The exercise asks you to copy every line below in which "IFCLOCALPLACEMENT" appears.

[Opening Supplied records section]

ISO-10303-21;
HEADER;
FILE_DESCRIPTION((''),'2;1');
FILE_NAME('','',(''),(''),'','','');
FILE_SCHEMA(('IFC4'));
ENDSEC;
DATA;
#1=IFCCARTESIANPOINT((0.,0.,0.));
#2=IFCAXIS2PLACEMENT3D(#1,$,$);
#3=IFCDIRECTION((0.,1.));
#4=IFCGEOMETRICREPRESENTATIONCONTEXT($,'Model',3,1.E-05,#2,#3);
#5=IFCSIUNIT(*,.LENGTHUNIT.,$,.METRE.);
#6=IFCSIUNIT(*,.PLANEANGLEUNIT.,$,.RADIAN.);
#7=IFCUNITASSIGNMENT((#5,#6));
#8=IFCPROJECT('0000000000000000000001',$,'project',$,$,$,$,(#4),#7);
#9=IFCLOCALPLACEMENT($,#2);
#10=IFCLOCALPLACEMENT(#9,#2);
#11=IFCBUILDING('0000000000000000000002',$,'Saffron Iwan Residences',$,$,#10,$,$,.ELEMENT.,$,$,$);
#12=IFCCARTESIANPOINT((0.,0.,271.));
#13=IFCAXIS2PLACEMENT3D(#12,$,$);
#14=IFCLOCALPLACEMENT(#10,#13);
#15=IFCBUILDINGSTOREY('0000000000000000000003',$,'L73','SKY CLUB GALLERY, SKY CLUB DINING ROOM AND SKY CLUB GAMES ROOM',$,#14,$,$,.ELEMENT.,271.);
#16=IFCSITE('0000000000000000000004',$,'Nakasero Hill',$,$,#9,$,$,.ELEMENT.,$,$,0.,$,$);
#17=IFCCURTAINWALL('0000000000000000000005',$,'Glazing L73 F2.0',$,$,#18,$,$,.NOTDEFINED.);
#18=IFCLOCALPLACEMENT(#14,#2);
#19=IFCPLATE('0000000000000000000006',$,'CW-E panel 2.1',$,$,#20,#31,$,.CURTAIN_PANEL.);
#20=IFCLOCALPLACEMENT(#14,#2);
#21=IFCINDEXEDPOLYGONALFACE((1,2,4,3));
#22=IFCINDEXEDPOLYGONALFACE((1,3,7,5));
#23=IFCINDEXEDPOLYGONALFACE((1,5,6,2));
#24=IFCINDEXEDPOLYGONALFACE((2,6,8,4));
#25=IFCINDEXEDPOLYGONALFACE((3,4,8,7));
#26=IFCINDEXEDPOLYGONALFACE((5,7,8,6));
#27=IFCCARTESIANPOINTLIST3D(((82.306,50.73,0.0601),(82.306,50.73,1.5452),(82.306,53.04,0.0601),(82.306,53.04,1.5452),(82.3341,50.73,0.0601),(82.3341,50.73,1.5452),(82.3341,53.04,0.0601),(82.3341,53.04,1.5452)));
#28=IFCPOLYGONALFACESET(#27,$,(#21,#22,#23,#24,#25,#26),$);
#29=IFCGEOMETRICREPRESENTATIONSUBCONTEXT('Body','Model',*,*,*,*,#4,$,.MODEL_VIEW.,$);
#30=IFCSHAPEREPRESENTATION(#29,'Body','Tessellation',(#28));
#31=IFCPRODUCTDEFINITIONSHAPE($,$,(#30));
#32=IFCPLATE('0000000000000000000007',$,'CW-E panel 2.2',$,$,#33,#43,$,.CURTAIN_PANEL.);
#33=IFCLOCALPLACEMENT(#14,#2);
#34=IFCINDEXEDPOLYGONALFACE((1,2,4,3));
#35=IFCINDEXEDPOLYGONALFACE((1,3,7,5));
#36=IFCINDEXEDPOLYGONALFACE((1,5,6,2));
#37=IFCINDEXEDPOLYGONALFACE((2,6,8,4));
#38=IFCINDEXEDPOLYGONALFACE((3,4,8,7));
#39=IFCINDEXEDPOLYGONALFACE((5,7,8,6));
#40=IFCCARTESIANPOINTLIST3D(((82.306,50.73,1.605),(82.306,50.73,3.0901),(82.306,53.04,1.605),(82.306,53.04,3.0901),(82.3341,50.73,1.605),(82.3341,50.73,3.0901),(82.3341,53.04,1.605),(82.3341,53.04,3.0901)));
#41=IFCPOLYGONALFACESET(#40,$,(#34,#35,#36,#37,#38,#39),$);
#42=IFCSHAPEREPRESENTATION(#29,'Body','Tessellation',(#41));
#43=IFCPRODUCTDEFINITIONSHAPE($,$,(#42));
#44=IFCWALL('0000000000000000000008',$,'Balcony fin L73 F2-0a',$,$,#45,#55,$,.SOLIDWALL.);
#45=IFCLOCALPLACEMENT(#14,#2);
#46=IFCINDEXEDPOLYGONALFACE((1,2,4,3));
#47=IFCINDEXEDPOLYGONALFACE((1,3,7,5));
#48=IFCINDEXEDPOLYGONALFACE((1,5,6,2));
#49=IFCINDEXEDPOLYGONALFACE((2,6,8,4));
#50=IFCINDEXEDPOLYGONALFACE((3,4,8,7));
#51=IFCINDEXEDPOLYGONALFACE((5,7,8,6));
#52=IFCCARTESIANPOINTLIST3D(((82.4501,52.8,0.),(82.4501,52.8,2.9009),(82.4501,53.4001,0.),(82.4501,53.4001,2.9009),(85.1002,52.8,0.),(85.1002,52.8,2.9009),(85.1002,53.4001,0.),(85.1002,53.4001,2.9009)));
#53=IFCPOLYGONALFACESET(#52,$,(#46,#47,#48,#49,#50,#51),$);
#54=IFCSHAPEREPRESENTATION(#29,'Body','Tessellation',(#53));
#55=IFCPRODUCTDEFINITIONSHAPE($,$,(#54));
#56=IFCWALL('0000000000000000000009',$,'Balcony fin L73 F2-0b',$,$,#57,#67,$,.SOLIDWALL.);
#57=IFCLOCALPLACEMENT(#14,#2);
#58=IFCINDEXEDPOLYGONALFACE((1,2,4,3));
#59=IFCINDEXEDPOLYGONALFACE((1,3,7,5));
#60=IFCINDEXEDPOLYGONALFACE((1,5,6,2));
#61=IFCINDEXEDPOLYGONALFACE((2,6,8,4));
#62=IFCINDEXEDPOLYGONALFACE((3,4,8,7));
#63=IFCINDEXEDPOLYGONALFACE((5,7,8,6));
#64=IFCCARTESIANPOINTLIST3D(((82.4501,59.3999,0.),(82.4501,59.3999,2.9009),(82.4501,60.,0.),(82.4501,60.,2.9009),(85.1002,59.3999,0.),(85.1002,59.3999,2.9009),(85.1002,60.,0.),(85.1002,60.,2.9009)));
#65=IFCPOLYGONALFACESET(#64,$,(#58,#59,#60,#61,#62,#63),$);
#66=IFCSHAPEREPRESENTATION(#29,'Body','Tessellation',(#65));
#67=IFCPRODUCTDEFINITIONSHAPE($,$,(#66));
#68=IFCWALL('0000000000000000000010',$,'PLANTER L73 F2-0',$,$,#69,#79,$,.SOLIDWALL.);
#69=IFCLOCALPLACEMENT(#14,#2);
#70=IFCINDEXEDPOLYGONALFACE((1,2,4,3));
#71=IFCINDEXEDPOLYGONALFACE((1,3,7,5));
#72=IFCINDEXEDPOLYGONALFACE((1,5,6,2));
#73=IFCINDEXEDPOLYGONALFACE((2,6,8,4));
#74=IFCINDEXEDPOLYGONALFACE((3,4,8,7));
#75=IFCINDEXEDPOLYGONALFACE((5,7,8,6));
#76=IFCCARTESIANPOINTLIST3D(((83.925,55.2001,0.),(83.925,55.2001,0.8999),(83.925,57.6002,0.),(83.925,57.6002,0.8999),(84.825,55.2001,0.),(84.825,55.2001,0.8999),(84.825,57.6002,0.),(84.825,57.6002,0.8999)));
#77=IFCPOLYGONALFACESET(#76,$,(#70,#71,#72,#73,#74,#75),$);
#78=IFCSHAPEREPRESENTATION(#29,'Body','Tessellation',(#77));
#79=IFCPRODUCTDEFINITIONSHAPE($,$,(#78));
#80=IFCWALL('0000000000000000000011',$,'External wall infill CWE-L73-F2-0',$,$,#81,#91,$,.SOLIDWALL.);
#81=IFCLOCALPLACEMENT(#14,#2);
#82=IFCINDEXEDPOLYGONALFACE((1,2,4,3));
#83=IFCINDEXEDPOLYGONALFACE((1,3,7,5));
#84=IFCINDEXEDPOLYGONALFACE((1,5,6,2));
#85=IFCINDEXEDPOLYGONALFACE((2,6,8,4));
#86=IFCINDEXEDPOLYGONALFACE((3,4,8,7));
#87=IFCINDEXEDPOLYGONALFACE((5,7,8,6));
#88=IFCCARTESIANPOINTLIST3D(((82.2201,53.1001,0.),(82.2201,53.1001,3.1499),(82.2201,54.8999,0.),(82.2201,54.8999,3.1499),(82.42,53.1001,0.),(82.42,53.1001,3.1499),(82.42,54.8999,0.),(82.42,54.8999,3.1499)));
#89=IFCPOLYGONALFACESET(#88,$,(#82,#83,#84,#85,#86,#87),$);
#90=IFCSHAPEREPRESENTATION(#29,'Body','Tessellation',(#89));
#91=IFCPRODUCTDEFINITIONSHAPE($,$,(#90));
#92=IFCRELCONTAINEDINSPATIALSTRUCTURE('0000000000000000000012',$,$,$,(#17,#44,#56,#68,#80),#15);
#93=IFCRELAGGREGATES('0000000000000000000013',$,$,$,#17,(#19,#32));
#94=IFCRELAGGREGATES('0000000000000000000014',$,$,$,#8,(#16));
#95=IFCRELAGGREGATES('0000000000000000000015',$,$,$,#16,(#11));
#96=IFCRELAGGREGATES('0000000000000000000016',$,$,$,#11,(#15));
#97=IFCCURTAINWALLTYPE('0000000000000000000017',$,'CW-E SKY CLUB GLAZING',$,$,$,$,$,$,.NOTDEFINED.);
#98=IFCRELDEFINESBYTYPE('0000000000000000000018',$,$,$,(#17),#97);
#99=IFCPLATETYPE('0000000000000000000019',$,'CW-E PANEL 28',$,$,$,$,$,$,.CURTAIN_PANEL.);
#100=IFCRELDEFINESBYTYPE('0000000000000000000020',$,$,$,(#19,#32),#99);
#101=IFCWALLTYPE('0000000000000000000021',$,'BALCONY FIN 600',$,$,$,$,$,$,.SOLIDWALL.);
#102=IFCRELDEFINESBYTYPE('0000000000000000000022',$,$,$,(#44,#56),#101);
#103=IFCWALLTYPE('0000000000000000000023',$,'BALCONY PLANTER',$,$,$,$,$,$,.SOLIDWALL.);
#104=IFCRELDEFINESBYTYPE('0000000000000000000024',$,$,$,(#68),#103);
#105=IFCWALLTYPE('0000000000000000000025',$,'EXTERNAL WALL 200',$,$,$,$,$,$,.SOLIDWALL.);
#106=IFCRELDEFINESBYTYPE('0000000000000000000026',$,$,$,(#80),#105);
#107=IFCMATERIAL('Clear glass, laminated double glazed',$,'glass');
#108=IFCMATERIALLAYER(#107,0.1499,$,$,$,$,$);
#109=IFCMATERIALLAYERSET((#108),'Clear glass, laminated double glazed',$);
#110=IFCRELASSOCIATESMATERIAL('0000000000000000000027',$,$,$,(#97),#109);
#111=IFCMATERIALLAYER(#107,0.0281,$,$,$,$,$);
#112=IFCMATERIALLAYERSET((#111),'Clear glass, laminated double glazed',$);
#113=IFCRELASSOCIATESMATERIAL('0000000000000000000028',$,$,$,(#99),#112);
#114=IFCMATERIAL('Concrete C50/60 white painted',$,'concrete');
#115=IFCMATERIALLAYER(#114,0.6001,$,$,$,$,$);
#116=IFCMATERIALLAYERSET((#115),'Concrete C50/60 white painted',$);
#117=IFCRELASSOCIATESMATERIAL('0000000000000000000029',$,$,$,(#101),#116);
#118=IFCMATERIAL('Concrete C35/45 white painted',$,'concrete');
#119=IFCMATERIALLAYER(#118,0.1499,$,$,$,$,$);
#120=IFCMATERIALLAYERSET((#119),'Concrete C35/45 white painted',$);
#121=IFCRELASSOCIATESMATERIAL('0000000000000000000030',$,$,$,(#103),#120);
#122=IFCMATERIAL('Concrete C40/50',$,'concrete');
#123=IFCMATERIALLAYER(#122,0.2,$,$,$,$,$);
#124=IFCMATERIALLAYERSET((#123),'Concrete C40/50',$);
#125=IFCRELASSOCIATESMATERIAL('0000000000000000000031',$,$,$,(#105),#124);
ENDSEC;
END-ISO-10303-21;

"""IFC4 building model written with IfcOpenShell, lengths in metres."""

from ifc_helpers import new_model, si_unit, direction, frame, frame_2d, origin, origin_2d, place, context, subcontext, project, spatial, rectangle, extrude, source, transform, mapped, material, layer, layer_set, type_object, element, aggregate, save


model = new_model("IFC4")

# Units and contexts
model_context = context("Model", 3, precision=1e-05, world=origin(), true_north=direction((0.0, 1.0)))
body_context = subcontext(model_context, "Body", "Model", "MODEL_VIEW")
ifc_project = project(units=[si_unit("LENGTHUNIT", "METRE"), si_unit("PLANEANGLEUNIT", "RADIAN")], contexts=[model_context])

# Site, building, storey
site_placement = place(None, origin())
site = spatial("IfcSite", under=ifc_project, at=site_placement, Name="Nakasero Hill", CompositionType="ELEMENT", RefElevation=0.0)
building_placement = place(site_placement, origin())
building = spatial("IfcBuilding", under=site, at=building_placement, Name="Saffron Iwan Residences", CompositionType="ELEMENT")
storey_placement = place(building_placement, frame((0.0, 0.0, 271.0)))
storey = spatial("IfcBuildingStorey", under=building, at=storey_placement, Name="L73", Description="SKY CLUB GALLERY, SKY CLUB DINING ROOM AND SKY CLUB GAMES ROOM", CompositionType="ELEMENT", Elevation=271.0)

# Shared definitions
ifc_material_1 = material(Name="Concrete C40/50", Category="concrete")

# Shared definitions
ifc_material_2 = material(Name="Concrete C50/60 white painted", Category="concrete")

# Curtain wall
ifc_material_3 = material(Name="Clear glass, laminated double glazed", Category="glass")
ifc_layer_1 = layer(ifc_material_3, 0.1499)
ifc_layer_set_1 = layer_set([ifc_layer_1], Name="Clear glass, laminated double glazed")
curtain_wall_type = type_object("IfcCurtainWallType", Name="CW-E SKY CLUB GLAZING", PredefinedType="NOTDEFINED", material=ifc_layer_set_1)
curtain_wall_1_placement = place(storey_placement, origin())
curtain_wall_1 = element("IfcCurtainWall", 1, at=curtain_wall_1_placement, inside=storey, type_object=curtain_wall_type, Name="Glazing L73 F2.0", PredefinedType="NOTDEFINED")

[Closing Supplied records section]
[Opening Supplied records section]

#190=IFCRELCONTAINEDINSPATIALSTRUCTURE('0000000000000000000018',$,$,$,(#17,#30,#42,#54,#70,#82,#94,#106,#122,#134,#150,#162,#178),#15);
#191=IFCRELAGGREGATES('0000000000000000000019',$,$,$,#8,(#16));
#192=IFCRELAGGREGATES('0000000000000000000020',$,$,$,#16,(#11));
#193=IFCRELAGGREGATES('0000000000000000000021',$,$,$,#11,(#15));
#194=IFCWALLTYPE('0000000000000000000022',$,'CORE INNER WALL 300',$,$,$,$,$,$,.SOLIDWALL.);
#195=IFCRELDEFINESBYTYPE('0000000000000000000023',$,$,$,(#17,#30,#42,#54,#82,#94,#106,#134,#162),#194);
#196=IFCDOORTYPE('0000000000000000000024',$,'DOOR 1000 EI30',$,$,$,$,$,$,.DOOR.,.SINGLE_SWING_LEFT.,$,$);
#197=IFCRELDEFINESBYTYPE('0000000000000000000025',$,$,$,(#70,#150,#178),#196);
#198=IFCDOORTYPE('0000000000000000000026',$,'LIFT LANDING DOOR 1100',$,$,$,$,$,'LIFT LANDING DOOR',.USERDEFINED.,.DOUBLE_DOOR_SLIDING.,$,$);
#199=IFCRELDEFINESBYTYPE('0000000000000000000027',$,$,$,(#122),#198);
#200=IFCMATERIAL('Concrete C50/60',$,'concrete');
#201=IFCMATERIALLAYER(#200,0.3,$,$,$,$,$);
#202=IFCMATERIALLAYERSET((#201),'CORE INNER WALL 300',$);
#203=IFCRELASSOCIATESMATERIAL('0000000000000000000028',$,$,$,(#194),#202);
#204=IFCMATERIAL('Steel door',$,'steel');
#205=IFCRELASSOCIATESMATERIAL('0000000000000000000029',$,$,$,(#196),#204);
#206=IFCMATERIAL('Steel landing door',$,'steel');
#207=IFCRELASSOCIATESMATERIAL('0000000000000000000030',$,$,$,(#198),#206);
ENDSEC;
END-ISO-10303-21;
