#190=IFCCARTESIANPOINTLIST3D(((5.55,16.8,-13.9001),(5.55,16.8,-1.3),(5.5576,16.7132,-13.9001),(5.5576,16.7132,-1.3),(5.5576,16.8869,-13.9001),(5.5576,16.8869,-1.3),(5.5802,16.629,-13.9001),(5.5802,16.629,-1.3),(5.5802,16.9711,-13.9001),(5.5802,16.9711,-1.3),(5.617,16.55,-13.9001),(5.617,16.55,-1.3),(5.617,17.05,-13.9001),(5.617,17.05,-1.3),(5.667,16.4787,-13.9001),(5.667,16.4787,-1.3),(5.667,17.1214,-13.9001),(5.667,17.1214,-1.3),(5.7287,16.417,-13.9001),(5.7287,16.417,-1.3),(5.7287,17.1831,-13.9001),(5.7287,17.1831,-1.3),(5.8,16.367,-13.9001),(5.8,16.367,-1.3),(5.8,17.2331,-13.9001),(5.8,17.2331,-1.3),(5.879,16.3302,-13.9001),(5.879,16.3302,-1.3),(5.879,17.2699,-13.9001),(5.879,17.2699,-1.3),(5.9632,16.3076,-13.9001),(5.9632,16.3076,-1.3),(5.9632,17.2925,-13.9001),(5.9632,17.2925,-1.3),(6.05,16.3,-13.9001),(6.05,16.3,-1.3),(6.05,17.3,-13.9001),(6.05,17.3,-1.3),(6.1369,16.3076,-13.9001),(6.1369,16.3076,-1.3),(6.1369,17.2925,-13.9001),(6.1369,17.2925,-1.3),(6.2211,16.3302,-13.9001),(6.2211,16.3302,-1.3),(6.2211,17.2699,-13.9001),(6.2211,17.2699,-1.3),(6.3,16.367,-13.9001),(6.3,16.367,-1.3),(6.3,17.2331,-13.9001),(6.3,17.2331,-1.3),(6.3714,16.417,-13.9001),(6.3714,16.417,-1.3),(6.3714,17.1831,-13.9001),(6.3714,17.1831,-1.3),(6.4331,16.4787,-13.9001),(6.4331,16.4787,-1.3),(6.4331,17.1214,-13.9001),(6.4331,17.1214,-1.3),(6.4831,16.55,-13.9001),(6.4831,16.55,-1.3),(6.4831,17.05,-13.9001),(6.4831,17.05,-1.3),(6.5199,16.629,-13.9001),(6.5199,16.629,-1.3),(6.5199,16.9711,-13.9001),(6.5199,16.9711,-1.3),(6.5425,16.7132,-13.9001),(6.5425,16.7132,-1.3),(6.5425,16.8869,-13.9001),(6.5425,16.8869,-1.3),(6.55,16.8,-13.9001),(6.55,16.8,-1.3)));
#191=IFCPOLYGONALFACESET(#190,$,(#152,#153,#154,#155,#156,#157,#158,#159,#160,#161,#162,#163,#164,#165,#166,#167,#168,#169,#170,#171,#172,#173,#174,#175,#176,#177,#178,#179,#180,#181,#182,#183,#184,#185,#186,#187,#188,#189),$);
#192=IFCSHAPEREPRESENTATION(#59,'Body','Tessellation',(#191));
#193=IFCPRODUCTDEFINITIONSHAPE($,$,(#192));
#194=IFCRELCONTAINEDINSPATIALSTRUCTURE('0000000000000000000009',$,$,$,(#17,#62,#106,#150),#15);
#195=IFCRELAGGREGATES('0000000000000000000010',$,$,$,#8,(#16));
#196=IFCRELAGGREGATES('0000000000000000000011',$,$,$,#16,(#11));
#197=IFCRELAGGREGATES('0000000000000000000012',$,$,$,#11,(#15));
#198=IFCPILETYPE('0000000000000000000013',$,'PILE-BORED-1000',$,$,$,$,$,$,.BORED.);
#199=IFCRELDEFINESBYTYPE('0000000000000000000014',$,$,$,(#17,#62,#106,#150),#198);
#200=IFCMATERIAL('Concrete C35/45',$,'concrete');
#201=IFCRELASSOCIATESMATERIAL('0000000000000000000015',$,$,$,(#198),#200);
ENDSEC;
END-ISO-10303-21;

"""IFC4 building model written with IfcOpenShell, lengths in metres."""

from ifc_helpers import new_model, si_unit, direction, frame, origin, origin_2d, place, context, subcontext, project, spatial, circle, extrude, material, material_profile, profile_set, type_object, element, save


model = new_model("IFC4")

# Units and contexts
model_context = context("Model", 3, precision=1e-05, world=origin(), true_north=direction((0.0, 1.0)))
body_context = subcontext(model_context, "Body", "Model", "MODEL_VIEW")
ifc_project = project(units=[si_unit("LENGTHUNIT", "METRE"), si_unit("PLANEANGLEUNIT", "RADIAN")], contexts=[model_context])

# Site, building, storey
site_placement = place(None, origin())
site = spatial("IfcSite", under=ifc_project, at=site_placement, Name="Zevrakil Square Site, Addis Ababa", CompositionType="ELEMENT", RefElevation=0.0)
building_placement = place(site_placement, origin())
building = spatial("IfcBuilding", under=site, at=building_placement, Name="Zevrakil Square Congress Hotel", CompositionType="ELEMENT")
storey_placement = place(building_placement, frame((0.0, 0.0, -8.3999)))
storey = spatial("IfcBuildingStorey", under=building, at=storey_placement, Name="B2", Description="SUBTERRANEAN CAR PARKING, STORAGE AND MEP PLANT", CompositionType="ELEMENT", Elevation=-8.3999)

[Closing Supplied records section]
[Opening Supplied records section]

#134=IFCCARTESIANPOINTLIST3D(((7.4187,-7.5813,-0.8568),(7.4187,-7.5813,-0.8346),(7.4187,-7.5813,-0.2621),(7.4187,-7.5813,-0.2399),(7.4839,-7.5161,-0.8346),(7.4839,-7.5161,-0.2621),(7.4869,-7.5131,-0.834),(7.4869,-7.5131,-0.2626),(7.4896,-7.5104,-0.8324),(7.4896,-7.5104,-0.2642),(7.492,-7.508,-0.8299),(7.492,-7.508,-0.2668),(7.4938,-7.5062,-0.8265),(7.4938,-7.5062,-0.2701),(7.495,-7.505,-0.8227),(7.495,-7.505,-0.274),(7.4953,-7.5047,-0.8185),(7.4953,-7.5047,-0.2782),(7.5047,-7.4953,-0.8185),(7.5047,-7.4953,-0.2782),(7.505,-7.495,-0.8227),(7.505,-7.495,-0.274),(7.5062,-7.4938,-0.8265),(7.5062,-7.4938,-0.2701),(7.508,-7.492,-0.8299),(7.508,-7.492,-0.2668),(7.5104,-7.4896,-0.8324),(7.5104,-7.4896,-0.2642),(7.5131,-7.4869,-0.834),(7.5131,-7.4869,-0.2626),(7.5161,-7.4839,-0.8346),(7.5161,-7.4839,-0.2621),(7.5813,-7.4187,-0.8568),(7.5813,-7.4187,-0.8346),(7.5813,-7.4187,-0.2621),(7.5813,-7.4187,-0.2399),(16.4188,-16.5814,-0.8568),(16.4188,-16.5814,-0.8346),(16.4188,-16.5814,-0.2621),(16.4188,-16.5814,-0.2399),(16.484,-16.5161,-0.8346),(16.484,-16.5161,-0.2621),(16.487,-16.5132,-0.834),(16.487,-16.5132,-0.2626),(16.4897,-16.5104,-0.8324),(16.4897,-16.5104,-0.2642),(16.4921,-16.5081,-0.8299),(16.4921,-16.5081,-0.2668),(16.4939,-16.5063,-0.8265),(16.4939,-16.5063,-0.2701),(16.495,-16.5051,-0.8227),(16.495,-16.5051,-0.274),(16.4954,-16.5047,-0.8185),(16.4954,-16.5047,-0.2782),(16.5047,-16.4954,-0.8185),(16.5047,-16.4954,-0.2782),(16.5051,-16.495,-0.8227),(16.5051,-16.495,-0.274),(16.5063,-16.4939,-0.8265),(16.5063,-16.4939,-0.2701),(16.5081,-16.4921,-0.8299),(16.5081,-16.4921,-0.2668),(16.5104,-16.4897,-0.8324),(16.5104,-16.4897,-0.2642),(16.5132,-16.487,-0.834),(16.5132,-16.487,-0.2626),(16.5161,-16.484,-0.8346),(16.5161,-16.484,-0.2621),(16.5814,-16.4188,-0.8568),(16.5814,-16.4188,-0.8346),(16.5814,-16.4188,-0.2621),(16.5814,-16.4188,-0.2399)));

[Closing Supplied records section]

» **Expected answer**
#9=IFCLOCALPLACEMENT($,#2);
#10=IFCLOCALPLACEMENT(#9,#2);
#14=IFCLOCALPLACEMENT(#10,#13);
#18=IFCLOCALPLACEMENT(#14,#2);
#20=IFCLOCALPLACEMENT(#14,#2);
#33=IFCLOCALPLACEMENT(#14,#2);
#45=IFCLOCALPLACEMENT(#14,#2);
#57=IFCLOCALPLACEMENT(#14,#2);
#69=IFCLOCALPLACEMENT(#14,#2);
#81=IFCLOCALPLACEMENT(#14,#2);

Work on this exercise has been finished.